* EXERCISE
Report every line below that has the string "IFCLOCALPLACEMENT" in it.

* Records from a dataset
────

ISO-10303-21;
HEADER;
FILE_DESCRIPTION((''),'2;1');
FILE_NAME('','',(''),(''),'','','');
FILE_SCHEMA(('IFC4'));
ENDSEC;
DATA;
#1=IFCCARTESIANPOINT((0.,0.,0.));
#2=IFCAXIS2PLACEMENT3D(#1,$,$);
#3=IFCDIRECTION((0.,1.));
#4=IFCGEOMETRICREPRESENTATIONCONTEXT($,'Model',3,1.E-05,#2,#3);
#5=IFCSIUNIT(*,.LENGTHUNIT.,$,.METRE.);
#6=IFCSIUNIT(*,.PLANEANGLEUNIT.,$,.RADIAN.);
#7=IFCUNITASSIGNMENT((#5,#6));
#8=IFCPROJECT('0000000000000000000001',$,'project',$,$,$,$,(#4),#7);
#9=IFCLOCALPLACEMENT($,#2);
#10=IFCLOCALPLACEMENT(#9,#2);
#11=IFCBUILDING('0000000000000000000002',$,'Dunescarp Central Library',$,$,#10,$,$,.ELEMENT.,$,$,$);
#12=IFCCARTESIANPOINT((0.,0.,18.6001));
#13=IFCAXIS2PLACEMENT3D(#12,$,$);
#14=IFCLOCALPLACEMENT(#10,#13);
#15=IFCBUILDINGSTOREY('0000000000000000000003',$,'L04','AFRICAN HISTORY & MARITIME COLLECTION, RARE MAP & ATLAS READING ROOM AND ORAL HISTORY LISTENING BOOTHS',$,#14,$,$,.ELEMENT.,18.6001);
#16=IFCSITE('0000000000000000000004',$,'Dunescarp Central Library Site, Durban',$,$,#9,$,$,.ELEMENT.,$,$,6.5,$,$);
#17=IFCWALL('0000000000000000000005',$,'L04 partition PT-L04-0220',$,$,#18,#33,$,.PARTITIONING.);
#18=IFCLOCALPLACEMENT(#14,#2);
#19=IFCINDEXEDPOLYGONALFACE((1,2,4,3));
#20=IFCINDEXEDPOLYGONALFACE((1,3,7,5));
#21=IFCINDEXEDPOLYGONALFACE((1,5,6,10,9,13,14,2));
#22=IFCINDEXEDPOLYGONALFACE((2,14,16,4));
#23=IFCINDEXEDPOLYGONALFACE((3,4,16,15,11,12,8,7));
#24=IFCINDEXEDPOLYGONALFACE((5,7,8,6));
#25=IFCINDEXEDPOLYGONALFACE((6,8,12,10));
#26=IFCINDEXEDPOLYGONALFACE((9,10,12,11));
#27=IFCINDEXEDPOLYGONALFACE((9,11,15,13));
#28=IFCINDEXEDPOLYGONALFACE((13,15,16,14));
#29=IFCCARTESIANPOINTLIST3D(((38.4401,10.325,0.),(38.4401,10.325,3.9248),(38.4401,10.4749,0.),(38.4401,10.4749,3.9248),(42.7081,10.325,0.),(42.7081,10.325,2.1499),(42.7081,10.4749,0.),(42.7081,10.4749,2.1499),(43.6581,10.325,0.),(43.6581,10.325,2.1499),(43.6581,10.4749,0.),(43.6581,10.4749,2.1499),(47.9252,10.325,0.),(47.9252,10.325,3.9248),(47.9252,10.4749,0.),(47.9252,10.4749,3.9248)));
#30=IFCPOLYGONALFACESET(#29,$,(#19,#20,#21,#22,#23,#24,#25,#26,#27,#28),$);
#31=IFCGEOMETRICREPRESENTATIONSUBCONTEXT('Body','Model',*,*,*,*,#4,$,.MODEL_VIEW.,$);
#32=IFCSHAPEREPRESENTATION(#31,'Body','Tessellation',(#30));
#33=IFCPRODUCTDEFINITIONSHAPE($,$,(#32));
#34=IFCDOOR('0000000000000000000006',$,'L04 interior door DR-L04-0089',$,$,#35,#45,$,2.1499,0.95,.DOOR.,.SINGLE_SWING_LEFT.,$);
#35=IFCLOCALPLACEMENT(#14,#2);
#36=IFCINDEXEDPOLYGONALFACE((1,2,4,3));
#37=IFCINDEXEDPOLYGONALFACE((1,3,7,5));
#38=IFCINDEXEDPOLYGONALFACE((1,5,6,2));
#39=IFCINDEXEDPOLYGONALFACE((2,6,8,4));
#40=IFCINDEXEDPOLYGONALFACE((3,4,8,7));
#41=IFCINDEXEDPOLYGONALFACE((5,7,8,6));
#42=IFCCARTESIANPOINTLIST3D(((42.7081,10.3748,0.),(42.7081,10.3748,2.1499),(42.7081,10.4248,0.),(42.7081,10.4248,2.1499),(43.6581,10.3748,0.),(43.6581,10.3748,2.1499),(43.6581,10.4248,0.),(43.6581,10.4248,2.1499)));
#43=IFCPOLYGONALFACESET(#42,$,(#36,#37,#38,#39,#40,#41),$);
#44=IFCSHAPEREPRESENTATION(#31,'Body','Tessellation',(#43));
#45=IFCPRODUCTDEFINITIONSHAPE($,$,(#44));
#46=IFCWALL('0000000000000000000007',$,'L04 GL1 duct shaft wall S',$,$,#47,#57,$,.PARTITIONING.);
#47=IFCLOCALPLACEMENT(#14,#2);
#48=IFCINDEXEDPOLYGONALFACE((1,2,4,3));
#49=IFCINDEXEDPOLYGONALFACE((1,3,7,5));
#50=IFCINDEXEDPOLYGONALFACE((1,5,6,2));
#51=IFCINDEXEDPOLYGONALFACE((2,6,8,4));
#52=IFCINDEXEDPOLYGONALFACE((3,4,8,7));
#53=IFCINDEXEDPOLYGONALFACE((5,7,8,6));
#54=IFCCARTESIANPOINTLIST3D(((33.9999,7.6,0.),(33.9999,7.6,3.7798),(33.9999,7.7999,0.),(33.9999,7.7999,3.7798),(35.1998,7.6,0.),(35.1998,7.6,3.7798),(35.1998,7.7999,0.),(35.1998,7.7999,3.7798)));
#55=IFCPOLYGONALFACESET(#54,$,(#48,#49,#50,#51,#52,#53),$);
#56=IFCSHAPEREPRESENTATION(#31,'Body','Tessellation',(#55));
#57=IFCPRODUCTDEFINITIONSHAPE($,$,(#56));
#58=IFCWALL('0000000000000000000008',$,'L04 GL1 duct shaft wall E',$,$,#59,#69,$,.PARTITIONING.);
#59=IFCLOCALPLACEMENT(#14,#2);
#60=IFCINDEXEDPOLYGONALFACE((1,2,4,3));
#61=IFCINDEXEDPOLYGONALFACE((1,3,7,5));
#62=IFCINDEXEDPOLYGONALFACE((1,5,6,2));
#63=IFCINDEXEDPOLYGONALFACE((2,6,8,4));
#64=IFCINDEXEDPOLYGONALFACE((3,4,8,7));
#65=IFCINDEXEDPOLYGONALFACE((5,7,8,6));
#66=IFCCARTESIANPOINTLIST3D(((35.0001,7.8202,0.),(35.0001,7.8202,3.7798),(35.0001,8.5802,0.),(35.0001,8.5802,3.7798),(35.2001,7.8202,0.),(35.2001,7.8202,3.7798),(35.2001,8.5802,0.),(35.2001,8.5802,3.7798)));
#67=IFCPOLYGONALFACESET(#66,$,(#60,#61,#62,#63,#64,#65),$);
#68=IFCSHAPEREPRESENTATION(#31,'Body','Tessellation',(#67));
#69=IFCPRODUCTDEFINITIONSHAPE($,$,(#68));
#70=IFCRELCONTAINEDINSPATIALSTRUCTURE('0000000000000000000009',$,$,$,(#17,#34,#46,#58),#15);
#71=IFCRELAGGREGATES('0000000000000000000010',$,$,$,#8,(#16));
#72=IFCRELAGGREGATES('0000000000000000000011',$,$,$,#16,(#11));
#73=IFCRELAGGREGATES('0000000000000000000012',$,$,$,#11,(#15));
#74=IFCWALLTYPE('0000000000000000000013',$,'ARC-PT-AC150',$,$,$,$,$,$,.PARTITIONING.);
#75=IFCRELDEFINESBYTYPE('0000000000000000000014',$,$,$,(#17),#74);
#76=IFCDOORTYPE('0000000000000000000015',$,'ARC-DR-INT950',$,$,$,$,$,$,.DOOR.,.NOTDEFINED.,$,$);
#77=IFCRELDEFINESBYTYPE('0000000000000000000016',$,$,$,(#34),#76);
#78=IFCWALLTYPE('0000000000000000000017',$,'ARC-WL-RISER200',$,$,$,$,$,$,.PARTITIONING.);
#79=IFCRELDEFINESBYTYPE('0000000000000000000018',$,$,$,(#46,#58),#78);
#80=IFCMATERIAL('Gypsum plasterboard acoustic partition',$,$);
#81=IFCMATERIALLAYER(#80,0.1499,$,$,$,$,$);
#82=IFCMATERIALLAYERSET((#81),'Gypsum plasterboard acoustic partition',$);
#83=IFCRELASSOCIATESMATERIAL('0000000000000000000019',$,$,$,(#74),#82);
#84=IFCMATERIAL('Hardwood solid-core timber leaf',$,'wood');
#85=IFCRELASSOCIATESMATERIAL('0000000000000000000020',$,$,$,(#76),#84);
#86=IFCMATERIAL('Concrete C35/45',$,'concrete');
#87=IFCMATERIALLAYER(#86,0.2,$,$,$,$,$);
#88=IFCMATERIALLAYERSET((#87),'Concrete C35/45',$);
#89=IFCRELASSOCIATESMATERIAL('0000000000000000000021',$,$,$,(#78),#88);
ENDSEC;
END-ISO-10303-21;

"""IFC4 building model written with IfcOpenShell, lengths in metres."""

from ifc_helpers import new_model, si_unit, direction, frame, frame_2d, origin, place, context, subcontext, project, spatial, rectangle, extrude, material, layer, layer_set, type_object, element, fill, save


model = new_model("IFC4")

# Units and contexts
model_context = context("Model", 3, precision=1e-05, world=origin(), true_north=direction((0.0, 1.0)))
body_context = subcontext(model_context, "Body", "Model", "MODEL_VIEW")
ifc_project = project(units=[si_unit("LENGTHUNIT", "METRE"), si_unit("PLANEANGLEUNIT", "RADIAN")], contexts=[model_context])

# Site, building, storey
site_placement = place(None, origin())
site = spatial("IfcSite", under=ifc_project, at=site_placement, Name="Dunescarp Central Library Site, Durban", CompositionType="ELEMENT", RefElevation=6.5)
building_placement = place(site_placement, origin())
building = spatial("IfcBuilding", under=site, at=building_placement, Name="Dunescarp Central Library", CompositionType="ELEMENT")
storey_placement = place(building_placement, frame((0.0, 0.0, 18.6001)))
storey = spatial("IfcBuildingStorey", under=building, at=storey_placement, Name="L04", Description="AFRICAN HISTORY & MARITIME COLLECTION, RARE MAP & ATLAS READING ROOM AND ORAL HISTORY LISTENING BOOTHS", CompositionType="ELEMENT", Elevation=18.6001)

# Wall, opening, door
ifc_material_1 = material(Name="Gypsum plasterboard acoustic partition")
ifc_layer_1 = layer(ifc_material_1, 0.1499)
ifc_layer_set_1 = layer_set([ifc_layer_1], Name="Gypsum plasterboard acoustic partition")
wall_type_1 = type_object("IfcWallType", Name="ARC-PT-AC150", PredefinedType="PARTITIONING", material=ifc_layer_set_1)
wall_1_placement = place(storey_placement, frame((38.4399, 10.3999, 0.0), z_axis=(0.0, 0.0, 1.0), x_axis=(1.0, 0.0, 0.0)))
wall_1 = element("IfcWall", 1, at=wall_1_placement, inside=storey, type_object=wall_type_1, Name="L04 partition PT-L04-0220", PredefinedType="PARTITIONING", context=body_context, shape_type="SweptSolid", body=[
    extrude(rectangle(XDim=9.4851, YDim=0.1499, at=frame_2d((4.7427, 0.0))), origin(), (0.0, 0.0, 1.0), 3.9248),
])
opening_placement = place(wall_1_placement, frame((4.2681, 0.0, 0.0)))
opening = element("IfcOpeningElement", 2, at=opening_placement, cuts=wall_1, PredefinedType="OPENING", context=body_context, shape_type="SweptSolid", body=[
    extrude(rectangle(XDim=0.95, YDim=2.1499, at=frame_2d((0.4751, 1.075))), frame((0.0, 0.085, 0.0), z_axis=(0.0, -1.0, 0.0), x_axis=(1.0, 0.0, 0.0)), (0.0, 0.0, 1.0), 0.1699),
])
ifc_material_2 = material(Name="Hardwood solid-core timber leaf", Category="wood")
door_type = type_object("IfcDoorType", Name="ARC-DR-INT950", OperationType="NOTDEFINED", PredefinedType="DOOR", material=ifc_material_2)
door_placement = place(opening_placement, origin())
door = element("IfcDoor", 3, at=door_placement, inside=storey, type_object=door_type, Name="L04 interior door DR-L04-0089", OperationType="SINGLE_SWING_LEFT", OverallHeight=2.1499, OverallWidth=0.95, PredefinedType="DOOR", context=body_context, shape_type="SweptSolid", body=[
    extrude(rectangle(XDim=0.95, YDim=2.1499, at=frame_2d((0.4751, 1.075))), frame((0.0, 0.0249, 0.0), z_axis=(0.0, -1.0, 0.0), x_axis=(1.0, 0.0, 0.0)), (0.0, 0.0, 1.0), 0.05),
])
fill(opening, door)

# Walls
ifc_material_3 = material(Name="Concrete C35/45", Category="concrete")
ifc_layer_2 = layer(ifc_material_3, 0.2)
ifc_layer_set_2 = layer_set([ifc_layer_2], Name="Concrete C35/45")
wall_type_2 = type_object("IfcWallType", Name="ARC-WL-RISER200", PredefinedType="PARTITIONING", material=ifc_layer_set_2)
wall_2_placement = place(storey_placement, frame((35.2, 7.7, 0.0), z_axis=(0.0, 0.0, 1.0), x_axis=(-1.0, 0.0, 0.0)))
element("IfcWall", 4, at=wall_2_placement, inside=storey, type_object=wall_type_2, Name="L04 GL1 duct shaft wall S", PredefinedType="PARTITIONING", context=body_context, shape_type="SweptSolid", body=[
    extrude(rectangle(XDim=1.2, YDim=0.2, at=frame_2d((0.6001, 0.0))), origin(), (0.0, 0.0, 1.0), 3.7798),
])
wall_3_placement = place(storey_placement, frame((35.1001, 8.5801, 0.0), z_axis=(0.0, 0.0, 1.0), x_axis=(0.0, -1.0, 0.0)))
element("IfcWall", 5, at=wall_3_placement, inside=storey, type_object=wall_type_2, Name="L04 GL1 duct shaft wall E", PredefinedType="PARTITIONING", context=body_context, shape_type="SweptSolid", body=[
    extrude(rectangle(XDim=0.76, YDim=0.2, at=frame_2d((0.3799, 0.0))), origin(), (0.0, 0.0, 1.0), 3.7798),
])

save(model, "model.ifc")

────

* OUTPUT OF THE TASK
#9=IFCLOCALPLACEMENT($,#2);
#10=IFCLOCALPLACEMENT(#9,#2);
#14=IFCLOCALPLACEMENT(#10,#13);
#18=IFCLOCALPLACEMENT(#14,#2);
#35=IFCLOCALPLACEMENT(#14,#2);
#47=IFCLOCALPLACEMENT(#14,#2);
#59=IFCLOCALPLACEMENT(#14,#2);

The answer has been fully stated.